- _WHAT THE TASK REQUIRES_
For the data below, give again exactly the lines from the one containing "#57=IFCPRODUCTDEFINITIONSHAPE($,$,(#56));" through the one containing "#70=IFCWALL('0000000000000000000009',$,'L13 E Demising", both ends included, and no others.

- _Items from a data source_
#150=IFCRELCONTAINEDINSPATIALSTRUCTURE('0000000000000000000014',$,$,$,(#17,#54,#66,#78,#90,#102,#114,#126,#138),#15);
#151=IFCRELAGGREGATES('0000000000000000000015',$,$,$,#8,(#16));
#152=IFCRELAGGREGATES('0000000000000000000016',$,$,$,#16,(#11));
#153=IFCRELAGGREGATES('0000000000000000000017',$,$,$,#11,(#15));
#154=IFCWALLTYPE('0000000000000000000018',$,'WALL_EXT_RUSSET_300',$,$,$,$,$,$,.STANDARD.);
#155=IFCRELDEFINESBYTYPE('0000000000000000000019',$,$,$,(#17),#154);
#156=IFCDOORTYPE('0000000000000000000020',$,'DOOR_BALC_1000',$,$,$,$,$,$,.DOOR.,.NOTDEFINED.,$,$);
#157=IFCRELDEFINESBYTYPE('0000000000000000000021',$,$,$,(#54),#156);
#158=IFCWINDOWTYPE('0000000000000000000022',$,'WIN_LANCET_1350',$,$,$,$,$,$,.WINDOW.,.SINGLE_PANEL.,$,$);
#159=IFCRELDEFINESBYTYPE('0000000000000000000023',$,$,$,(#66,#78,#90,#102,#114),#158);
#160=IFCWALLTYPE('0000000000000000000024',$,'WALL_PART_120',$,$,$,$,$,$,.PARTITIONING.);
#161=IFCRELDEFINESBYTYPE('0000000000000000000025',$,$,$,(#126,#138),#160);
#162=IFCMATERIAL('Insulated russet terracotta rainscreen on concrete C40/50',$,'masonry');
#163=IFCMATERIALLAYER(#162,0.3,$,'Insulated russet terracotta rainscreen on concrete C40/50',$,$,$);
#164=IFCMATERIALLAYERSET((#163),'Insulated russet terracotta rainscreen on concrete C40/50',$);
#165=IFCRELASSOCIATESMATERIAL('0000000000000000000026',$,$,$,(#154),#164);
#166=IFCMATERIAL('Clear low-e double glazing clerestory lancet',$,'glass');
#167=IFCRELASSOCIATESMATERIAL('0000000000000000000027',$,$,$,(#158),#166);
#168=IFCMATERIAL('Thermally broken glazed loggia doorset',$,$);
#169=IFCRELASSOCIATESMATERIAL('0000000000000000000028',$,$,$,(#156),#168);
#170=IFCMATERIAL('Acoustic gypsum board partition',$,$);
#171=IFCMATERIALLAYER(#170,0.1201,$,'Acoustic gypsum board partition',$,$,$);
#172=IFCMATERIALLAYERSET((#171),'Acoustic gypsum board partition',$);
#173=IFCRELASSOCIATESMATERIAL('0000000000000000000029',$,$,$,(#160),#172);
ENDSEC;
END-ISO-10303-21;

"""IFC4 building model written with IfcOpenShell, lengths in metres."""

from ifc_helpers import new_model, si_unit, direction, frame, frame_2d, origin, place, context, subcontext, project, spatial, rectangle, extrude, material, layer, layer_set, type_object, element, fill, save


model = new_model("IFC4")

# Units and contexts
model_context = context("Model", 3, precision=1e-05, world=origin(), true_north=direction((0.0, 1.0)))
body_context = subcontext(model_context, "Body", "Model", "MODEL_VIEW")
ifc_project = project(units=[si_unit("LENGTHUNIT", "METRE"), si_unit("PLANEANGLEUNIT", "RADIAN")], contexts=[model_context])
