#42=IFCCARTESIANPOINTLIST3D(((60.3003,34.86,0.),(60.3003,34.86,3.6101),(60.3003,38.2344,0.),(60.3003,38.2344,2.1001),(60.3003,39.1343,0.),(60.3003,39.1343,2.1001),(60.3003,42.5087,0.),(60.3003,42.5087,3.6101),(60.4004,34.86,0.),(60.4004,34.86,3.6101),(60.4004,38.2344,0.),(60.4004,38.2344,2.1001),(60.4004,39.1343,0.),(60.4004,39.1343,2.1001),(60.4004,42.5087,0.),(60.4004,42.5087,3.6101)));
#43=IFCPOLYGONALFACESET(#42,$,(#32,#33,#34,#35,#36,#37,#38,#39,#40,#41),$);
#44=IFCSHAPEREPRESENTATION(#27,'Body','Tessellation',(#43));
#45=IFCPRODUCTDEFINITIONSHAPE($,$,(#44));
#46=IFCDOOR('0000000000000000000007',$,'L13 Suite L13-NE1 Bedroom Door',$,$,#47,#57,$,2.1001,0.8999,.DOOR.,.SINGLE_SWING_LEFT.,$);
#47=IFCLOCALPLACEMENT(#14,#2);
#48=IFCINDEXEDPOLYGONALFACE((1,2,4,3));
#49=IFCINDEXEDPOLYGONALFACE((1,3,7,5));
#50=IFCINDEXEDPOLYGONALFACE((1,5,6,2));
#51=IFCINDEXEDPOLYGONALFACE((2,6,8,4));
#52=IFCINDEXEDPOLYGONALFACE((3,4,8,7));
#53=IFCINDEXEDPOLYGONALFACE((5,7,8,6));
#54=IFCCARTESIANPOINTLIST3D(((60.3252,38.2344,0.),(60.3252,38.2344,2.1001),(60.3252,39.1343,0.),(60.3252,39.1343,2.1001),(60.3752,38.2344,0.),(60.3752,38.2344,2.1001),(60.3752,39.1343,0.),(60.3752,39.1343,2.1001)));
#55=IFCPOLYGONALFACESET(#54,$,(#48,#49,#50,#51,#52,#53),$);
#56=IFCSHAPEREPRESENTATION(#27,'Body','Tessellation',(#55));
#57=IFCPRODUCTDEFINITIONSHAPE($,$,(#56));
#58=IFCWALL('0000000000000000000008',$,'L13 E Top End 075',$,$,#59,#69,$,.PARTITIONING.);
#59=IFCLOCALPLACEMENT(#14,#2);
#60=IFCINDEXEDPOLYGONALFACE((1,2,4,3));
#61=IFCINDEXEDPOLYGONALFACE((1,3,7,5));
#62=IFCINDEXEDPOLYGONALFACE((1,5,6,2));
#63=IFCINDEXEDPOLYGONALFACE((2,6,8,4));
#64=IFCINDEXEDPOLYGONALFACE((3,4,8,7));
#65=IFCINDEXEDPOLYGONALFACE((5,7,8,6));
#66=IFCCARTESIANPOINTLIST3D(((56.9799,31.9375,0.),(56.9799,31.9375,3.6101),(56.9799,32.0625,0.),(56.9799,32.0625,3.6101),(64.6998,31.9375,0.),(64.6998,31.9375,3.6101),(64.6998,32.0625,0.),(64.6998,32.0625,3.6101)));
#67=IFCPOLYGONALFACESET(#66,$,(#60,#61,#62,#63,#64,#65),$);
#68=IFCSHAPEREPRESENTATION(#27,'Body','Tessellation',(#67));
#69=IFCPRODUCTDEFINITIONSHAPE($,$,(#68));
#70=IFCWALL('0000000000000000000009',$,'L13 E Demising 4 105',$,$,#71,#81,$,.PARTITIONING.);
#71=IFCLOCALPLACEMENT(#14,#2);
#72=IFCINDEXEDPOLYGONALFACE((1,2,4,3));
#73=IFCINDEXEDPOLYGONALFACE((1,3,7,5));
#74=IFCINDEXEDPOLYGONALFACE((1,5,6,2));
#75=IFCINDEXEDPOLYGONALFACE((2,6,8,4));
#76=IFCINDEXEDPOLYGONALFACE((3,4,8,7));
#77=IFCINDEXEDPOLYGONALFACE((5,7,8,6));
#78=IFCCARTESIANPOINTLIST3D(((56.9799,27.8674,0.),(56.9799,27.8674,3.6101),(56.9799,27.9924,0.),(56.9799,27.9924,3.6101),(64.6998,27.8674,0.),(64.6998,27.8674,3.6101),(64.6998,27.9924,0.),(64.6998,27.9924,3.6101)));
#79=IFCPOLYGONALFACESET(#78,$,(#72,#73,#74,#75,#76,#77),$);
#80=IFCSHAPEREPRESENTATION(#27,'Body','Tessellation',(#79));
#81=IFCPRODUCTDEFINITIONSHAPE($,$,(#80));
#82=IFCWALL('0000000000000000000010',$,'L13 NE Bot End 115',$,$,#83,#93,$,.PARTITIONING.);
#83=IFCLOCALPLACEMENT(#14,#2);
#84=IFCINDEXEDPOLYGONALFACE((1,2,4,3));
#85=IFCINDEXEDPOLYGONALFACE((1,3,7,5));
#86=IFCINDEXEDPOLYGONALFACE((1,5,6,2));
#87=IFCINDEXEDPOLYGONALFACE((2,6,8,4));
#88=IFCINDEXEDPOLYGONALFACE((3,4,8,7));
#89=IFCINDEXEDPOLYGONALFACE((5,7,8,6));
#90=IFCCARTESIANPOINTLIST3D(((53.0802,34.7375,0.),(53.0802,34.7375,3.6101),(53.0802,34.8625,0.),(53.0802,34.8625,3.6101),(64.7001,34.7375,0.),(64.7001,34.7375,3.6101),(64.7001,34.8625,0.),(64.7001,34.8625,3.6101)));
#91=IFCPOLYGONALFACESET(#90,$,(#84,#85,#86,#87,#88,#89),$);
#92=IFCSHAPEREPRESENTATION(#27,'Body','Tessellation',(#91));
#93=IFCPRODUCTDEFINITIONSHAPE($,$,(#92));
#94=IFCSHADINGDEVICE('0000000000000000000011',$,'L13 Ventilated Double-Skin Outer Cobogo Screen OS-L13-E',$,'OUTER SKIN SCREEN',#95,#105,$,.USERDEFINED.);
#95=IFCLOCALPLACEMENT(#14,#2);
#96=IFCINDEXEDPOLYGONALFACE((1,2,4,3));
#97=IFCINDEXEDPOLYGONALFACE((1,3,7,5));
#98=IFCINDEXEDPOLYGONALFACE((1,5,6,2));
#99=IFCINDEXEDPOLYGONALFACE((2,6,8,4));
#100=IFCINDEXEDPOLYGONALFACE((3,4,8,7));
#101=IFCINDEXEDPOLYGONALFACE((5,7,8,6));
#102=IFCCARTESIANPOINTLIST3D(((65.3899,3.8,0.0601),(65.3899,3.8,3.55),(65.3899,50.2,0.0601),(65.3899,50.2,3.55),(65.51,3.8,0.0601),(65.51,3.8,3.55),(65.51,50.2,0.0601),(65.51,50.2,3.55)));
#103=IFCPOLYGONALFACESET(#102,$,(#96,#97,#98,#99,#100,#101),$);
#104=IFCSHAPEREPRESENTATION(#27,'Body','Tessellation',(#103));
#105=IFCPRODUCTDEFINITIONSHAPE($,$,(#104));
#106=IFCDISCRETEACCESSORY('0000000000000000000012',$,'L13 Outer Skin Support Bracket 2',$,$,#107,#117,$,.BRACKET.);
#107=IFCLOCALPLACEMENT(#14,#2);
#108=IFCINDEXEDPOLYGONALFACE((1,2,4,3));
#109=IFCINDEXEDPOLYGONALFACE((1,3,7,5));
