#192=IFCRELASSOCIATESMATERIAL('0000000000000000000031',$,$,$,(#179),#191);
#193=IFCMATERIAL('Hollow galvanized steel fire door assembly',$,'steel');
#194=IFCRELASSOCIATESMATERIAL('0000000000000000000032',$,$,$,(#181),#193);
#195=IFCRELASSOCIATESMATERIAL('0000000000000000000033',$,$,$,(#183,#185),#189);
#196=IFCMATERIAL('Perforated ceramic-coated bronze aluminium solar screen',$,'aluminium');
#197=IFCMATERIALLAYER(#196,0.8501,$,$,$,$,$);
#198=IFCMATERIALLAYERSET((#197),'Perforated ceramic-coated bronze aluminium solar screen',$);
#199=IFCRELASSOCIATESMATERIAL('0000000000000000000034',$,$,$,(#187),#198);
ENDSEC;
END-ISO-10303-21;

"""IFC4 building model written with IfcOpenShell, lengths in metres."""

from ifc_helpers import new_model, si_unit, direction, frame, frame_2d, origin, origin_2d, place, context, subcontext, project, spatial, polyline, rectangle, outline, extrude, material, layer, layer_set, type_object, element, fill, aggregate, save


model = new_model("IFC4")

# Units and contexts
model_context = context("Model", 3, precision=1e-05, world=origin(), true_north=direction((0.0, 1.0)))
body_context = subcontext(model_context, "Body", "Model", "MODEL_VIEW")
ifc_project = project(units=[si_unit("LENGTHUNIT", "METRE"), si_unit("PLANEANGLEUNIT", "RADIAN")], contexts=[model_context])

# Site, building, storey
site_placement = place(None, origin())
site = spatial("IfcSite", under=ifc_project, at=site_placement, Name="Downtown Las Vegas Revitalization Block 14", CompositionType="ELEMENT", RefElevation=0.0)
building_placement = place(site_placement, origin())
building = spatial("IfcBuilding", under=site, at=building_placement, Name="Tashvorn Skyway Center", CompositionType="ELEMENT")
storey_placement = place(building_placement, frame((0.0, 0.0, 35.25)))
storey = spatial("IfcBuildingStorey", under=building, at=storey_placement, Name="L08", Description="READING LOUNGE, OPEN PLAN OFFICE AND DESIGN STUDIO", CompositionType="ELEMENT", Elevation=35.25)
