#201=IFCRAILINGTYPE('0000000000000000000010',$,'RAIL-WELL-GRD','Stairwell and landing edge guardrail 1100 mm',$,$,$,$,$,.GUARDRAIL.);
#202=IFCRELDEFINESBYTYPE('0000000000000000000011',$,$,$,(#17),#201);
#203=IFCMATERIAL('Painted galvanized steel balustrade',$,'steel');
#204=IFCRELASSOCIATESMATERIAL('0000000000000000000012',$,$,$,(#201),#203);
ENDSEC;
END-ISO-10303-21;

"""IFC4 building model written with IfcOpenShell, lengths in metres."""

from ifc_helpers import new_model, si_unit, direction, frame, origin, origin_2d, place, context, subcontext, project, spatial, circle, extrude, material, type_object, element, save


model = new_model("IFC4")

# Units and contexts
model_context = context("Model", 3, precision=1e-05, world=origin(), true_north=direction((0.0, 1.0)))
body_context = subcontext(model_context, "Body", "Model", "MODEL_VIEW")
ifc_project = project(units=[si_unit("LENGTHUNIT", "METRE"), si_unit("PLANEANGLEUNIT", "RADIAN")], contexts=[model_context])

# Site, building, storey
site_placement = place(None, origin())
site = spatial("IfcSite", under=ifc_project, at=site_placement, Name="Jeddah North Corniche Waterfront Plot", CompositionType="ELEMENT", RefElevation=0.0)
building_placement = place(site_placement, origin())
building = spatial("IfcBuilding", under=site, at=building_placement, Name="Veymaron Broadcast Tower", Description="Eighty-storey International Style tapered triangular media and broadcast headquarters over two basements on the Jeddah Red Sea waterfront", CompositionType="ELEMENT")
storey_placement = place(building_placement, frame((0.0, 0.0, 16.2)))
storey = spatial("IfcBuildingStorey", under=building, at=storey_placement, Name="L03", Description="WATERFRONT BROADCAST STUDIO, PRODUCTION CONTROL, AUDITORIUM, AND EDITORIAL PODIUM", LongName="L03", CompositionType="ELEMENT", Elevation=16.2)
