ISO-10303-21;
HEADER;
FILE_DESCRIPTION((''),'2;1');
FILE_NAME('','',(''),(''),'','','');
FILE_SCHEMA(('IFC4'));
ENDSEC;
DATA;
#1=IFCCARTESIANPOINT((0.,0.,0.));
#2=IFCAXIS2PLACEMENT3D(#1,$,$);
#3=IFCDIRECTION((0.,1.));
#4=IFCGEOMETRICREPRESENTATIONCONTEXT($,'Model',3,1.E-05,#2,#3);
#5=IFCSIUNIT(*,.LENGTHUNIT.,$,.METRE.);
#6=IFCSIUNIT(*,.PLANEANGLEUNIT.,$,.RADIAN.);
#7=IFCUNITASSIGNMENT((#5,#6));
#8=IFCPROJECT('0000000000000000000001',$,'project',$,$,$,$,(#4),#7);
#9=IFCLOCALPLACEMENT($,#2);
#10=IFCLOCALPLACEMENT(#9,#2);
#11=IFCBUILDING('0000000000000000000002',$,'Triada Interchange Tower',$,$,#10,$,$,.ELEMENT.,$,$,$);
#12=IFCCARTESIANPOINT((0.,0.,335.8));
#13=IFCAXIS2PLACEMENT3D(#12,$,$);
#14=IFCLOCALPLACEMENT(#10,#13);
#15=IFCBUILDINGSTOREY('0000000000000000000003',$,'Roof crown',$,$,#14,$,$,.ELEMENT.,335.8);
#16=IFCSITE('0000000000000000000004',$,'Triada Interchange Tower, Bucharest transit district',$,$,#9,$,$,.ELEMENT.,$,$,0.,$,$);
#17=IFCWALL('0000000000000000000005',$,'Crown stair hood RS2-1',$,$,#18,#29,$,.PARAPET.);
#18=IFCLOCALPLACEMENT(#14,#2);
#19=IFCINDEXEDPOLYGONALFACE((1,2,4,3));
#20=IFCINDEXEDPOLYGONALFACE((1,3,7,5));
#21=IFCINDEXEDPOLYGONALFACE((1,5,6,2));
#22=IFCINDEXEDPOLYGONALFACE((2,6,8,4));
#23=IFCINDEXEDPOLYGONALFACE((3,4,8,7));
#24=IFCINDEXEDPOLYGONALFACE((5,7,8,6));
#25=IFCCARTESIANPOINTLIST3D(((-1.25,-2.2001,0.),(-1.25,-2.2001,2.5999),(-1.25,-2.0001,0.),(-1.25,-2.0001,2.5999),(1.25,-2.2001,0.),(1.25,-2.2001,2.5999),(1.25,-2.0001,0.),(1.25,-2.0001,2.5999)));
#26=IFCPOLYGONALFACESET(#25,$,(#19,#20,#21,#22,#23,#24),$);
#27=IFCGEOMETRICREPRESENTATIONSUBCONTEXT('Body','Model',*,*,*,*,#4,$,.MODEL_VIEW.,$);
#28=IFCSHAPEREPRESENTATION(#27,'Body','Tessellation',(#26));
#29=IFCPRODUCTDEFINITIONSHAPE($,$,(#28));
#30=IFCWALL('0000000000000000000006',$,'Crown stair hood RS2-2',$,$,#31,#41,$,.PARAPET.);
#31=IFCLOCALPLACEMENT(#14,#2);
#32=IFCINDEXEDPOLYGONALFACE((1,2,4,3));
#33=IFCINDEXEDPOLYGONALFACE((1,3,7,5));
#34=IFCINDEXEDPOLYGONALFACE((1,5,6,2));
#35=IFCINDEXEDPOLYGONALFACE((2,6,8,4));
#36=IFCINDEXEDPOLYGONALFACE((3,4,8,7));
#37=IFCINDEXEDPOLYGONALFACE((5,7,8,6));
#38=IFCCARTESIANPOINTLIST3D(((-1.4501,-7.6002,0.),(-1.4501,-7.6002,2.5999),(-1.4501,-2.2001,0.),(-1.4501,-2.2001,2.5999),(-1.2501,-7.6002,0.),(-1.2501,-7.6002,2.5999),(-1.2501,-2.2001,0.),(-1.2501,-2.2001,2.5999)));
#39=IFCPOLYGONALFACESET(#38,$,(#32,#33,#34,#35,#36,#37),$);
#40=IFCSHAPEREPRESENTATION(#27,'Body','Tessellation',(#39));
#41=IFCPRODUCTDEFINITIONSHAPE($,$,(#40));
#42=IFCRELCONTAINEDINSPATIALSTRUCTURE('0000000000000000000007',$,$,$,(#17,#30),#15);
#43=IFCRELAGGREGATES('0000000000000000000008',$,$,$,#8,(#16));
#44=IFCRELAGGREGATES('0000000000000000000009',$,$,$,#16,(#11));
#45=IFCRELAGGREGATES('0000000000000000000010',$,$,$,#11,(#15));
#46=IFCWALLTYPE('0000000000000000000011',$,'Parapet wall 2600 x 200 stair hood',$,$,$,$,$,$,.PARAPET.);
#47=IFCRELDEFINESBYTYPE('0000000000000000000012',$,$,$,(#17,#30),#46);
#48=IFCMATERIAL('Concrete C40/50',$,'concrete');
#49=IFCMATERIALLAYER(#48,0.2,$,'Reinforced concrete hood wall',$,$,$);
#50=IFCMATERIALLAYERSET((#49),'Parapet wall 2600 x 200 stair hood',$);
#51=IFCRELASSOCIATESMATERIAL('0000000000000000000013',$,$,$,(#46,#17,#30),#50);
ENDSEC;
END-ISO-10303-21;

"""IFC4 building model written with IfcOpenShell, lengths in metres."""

from ifc_helpers import new_model, si_unit, direction, frame, frame_2d, origin, place, context, subcontext, project, spatial, rectangle, extrude, material, layer, layer_set, layer_usage, type_object, element, save


model = new_model("IFC4")

# Units and contexts
model_context = context("Model", 3, precision=1e-05, world=origin(), true_north=direction((0.0, 1.0)))
body_context = subcontext(model_context, "Body", "Model", "MODEL_VIEW")
ifc_project = project(units=[si_unit("LENGTHUNIT", "METRE"), si_unit("PLANEANGLEUNIT", "RADIAN")], contexts=[model_context])

# Site, building, storey
site_placement = place(None, origin())
site = spatial("IfcSite", under=ifc_project, at=site_placement, Name="Triada Interchange Tower, Bucharest transit district", CompositionType="ELEMENT", RefElevation=0.0)
building_placement = place(site_placement, origin())
building = spatial("IfcBuilding", under=site, at=building_placement, Name="Triada Interchange Tower", CompositionType="ELEMENT")
storey_placement = place(building_placement, frame((0.0, 0.0, 335.8)))
storey = spatial("IfcBuildingStorey", under=building, at=storey_placement, Name="Roof crown", CompositionType="ELEMENT", Elevation=335.8)

# Shared definitions
ifc_material_1 = material(Name="Concrete C40/50", Category="concrete")

# Walls
ifc_layer_1 = layer(ifc_material_1, 0.2, Name="Reinforced concrete hood wall")
ifc_layer_set_1 = layer_set([ifc_layer_1], Name="Parapet wall 2600 x 200 stair hood")
ifc_layer_usage_1 = layer_usage(ifc_layer_set_1, "AXIS2", "POSITIVE", -0.1001)
wall_type_1 = type_object("IfcWallType", Name="Parapet wall 2600 x 200 stair hood", PredefinedType="PARAPET", material=ifc_layer_set_1)
wall_1_placement = place(storey_placement, frame((-1.25, -2.1001, 0.0), z_axis=(0.0, 0.0, 1.0), x_axis=(1.0, 0.0, 0.0)))
element("IfcWall", 1, at=wall_1_placement, inside=storey, type_object=wall_type_1, material=ifc_layer_usage_1, Name="Crown stair hood RS2-1", PredefinedType="PARAPET", context=body_context, shape_type="SweptSolid", body=[
    extrude(rectangle(XDim=2.5, YDim=0.2, at=frame_2d((1.25, 0.0))), origin(), (0.0, 0.0, 1.0), 2.5999),
])
wall_2_placement = place(storey_placement, frame((-1.3501, -2.2, 0.0), z_axis=(0.0, 0.0, 1.0), x_axis=(0.0, -1.0, 0.0)))
element("IfcWall", 2, at=wall_2_placement, inside=storey, type_object=wall_type_1, material=ifc_layer_usage_1, Name="Crown stair hood RS2-2", PredefinedType="PARAPET", context=body_context, shape_type="SweptSolid", body=[
    extrude(rectangle(XDim=5.4001, YDim=0.2, at=frame_2d((2.7002, 0.0))), origin(), (0.0, 0.0, 1.0), 2.5999),
])

save(model, "model.ifc")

- _WORKED SOLUTION_
#57=IFCPRODUCTDEFINITIONSHAPE($,$,(#56));
#58=IFCWALL('0000000000000000000008',$,'L13 E Top End 075',$,$,#59,#69,$,.PARTITIONING.);
#59=IFCLOCALPLACEMENT(#14,#2);
#60=IFCINDEXEDPOLYGONALFACE((1,2,4,3));
#61=IFCINDEXEDPOLYGONALFACE((1,3,7,5));
#62=IFCINDEXEDPOLYGONALFACE((1,5,6,2));
#63=IFCINDEXEDPOLYGONALFACE((2,6,8,4));
#64=IFCINDEXEDPOLYGONALFACE((3,4,8,7));
#65=IFCINDEXEDPOLYGONALFACE((5,7,8,6));
#66=IFCCARTESIANPOINTLIST3D(((56.9799,31.9375,0.),(56.9799,31.9375,3.6101),(56.9799,32.0625,0.),(56.9799,32.0625,3.6101),(64.6998,31.9375,0.),(64.6998,31.9375,3.6101),(64.6998,32.0625,0.),(64.6998,32.0625,3.6101)));
#67=IFCPOLYGONALFACESET(#66,$,(#60,#61,#62,#63,#64,#65),$);
#68=IFCSHAPEREPRESENTATION(#27,'Body','Tessellation',(#67));
#69=IFCPRODUCTDEFINITIONSHAPE($,$,(#68));
#70=IFCWALL('0000000000000000000009',$,'L13 E Demising 4 105',$,$,#71,#81,$,.PARTITIONING.);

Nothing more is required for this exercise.